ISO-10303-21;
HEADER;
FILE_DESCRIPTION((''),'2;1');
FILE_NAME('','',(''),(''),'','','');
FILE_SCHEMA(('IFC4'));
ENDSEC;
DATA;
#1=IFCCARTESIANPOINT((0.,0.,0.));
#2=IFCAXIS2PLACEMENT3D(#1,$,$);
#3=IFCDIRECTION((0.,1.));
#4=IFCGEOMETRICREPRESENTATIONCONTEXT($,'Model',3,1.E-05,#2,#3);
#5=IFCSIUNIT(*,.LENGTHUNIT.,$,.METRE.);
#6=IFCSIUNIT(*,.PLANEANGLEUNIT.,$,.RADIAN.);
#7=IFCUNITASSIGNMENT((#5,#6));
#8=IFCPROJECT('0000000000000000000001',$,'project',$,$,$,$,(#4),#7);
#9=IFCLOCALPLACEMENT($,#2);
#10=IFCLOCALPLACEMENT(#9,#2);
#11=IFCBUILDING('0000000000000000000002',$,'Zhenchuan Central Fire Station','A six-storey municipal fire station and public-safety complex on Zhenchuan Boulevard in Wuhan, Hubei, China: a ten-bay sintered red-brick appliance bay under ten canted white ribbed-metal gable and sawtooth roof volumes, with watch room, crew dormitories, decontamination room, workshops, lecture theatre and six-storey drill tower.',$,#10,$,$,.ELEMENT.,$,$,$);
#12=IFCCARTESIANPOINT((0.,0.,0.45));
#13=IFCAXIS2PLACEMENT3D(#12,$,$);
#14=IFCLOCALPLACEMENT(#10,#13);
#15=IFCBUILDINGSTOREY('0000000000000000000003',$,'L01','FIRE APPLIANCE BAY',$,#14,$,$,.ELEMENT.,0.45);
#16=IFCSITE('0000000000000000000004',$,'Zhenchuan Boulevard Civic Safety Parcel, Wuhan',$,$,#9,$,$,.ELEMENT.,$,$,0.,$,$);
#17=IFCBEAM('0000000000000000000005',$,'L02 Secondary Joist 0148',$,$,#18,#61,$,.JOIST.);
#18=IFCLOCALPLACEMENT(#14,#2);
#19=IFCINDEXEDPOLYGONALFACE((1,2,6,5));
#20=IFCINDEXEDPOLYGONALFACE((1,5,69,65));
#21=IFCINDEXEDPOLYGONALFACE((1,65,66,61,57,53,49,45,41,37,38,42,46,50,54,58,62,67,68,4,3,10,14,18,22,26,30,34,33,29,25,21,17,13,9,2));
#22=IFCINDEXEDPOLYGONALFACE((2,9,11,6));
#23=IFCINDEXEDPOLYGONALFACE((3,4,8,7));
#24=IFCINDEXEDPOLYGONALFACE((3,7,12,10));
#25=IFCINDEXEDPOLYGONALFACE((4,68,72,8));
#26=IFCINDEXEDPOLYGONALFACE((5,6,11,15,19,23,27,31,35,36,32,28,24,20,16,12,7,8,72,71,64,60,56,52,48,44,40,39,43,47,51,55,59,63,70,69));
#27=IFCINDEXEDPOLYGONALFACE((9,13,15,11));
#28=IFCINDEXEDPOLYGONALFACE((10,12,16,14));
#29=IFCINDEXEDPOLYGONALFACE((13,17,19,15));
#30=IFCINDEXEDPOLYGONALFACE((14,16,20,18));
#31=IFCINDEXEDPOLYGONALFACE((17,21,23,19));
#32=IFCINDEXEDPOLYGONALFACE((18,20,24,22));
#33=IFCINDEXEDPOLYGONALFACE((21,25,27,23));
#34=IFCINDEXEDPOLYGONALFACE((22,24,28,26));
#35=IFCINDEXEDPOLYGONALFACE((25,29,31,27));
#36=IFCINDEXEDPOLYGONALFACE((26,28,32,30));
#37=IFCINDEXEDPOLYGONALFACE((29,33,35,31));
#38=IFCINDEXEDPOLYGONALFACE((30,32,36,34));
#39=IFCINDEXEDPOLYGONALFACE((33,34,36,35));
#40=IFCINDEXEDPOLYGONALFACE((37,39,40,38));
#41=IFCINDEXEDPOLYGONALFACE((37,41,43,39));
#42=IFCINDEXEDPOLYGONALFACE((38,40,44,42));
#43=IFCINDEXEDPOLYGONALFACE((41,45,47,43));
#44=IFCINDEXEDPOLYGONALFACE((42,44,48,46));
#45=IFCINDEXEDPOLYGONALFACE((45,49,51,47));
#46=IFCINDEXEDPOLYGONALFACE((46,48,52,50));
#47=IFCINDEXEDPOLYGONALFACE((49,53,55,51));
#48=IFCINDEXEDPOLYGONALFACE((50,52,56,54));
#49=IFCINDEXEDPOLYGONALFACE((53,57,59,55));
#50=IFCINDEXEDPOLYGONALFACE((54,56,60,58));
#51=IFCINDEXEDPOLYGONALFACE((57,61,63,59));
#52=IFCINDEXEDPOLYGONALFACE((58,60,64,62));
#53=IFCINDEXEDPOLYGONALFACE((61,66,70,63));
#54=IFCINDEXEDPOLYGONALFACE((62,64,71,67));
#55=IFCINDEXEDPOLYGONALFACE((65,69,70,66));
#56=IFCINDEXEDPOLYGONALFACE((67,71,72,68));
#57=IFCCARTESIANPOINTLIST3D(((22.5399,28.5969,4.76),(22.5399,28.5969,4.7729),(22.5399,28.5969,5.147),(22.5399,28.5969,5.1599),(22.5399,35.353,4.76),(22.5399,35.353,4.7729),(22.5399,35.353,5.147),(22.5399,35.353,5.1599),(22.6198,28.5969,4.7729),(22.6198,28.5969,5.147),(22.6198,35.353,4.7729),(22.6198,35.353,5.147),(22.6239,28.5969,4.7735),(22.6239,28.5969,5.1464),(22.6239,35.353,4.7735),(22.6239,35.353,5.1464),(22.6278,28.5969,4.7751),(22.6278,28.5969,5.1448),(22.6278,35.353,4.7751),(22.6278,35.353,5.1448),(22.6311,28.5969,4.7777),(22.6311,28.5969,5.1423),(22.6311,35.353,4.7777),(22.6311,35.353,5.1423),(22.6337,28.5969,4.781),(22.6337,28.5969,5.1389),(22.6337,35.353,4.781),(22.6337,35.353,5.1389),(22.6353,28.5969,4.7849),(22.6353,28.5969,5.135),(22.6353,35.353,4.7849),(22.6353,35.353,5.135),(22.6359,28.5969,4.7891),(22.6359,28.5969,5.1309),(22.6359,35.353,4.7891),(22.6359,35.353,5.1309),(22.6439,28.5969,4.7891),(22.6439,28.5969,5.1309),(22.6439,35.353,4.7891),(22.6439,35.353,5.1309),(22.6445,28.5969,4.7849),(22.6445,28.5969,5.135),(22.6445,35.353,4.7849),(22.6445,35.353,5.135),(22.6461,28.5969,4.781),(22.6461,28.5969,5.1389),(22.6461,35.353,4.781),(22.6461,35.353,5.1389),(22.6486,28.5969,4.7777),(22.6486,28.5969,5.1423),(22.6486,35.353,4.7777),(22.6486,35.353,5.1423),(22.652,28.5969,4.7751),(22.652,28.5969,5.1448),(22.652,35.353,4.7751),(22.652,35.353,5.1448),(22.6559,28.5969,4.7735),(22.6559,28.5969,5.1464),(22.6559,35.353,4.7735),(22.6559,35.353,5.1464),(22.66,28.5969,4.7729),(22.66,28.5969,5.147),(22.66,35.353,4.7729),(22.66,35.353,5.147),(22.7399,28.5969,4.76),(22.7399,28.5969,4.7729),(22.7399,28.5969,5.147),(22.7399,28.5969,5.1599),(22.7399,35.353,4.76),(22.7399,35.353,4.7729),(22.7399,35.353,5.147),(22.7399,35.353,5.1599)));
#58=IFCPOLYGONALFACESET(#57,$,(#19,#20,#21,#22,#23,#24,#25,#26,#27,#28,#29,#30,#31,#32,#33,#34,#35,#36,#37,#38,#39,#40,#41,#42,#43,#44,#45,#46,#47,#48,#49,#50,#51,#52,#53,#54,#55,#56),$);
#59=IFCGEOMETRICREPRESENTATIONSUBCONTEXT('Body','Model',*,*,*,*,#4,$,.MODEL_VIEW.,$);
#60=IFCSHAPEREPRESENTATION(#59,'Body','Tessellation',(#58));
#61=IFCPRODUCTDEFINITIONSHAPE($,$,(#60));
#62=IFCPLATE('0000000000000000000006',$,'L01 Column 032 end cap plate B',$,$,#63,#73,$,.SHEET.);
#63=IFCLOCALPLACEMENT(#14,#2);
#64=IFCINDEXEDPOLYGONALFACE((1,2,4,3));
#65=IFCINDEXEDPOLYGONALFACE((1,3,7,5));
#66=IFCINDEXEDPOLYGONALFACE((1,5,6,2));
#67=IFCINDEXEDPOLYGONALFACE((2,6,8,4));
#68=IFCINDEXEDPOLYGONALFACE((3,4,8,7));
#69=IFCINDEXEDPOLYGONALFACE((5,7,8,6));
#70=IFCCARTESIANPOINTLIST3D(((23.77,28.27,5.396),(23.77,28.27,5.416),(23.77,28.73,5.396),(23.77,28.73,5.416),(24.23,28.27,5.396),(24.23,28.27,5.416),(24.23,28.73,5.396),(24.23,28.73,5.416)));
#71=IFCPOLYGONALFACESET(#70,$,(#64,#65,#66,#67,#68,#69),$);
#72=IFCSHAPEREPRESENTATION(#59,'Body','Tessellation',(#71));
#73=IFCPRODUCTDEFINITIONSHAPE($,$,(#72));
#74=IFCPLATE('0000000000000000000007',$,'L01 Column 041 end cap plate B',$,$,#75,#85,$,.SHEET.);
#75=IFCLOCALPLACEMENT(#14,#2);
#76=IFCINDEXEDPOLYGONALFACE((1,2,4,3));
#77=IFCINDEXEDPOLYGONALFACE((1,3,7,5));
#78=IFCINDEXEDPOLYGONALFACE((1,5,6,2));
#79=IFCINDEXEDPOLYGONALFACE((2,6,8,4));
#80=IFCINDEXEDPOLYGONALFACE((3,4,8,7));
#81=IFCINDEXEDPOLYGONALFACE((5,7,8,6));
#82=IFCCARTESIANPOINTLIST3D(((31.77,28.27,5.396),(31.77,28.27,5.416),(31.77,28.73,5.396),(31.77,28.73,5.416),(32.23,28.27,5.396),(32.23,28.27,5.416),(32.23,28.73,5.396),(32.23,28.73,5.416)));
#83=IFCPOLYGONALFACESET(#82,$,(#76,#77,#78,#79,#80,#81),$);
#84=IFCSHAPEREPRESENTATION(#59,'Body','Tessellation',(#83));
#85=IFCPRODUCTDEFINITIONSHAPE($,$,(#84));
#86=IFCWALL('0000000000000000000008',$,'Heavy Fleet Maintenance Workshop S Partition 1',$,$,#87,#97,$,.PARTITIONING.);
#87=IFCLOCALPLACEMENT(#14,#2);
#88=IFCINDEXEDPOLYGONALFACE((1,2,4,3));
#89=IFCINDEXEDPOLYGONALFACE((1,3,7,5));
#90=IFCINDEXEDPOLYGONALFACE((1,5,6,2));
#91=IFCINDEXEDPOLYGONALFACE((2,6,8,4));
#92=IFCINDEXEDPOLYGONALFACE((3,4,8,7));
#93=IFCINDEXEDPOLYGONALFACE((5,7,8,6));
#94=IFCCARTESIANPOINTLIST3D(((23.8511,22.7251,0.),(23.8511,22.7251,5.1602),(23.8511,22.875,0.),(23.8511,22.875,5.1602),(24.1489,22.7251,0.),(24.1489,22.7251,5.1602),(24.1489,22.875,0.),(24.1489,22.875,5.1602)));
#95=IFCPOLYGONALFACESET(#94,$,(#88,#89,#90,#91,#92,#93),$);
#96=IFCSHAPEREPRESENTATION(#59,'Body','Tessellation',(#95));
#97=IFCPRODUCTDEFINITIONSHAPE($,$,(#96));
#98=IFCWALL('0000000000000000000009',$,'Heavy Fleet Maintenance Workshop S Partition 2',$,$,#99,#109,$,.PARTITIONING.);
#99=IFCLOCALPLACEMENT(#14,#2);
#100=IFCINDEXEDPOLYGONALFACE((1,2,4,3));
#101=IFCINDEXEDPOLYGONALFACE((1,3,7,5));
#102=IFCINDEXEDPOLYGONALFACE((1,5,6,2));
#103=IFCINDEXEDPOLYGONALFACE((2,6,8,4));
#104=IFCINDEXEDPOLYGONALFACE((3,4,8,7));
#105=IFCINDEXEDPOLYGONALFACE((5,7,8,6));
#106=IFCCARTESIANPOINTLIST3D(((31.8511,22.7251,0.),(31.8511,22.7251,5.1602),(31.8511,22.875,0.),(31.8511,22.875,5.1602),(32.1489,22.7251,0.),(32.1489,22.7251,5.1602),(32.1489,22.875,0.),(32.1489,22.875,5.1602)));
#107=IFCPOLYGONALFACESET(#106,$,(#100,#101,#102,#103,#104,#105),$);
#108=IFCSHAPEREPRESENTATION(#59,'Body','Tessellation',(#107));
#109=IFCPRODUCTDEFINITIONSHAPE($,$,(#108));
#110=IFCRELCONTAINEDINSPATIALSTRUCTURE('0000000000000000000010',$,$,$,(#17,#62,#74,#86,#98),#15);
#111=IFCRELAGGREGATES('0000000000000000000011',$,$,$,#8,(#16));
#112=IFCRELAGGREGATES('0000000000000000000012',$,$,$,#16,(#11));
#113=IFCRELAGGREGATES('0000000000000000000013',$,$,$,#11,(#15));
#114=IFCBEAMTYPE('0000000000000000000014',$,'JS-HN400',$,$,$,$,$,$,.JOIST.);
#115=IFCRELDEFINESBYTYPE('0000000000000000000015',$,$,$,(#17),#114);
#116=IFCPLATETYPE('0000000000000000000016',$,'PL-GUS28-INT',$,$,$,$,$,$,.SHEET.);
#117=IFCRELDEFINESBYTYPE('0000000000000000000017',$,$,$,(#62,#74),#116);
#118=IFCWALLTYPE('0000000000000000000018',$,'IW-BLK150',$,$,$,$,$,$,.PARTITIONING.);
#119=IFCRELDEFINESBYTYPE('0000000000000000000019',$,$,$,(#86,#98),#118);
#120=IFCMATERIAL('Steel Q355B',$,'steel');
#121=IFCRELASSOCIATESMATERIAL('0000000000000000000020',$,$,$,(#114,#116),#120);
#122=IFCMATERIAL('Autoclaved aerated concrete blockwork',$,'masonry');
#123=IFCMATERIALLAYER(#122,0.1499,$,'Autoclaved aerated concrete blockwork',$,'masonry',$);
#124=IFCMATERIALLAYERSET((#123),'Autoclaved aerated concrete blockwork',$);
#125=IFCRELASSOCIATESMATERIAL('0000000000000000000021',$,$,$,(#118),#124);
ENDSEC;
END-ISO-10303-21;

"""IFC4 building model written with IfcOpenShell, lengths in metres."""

from ifc_helpers import new_model, si_unit, direction, frame, frame_2d, origin, origin_2d, place, context, subcontext, project, spatial, rectangle, i_section, extrude, material, layer, layer_set, material_profile, profile_set, type_object, element, save


model = new_model("IFC4")

# Units and contexts
model_context = context("Model", 3, precision=1e-05, world=origin(), true_north=direction((0.0, 1.0)))
body_context = subcontext(model_context, "Body", "Model", "MODEL_VIEW")
ifc_project = project(units=[si_unit("LENGTHUNIT", "METRE"), si_unit("PLANEANGLEUNIT", "RADIAN")], contexts=[model_context])

# Site, building, storey
site_placement = place(None, origin())
site = spatial("IfcSite", under=ifc_project, at=site_placement, Name="Zhenchuan Boulevard Civic Safety Parcel, Wuhan", CompositionType="ELEMENT", RefElevation=0.0)
building_placement = place(site_placement, origin())
building = spatial("IfcBuilding", under=site, at=building_placement, Name="Zhenchuan Central Fire Station", Description="A six-storey municipal fire station and public-safety complex on Zhenchuan Boulevard in Wuhan, Hubei, China: a ten-bay sintered red-brick appliance bay under ten canted white ribbed-metal gable and sawtooth roof volumes, with watch room, crew dormitories, decontamination room, workshops, lecture theatre and six-storey drill tower.", CompositionType="ELEMENT")
storey_placement = place(building_placement, frame((0.0, 0.0, 0.45)))
storey = spatial("IfcBuildingStorey", under=building, at=storey_placement, Name="L01", Description="FIRE APPLIANCE BAY", CompositionType="ELEMENT", Elevation=0.45)

# Shared definitions
ifc_material_1 = material(Name="Steel Q355B", Category="steel")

::::::

Try it: Give back the listing exactly, please, from its first line to the line containing "#10=IFCLOCALPLACEMENT(#9,#2);", inclusive, and nothing past that line.

Exercise solution:
ISO-10303-21;
HEADER;
FILE_DESCRIPTION((''),'2;1');
FILE_NAME('','',(''),(''),'','','');
FILE_SCHEMA(('IFC4'));
ENDSEC;
DATA;
#1=IFCCARTESIANPOINT((0.,0.,0.));
#2=IFCAXIS2PLACEMENT3D(#1,$,$);
#3=IFCDIRECTION((0.,1.));
#4=IFCGEOMETRICREPRESENTATIONCONTEXT($,'Model',3,1.E-05,#2,#3);
#5=IFCSIUNIT(*,.LENGTHUNIT.,$,.METRE.);
#6=IFCSIUNIT(*,.PLANEANGLEUNIT.,$,.RADIAN.);
#7=IFCUNITASSIGNMENT((#5,#6));
#8=IFCPROJECT('0000000000000000000001',$,'project',$,$,$,$,(#4),#7);
#9=IFCLOCALPLACEMENT($,#2);
#10=IFCLOCALPLACEMENT(#9,#2);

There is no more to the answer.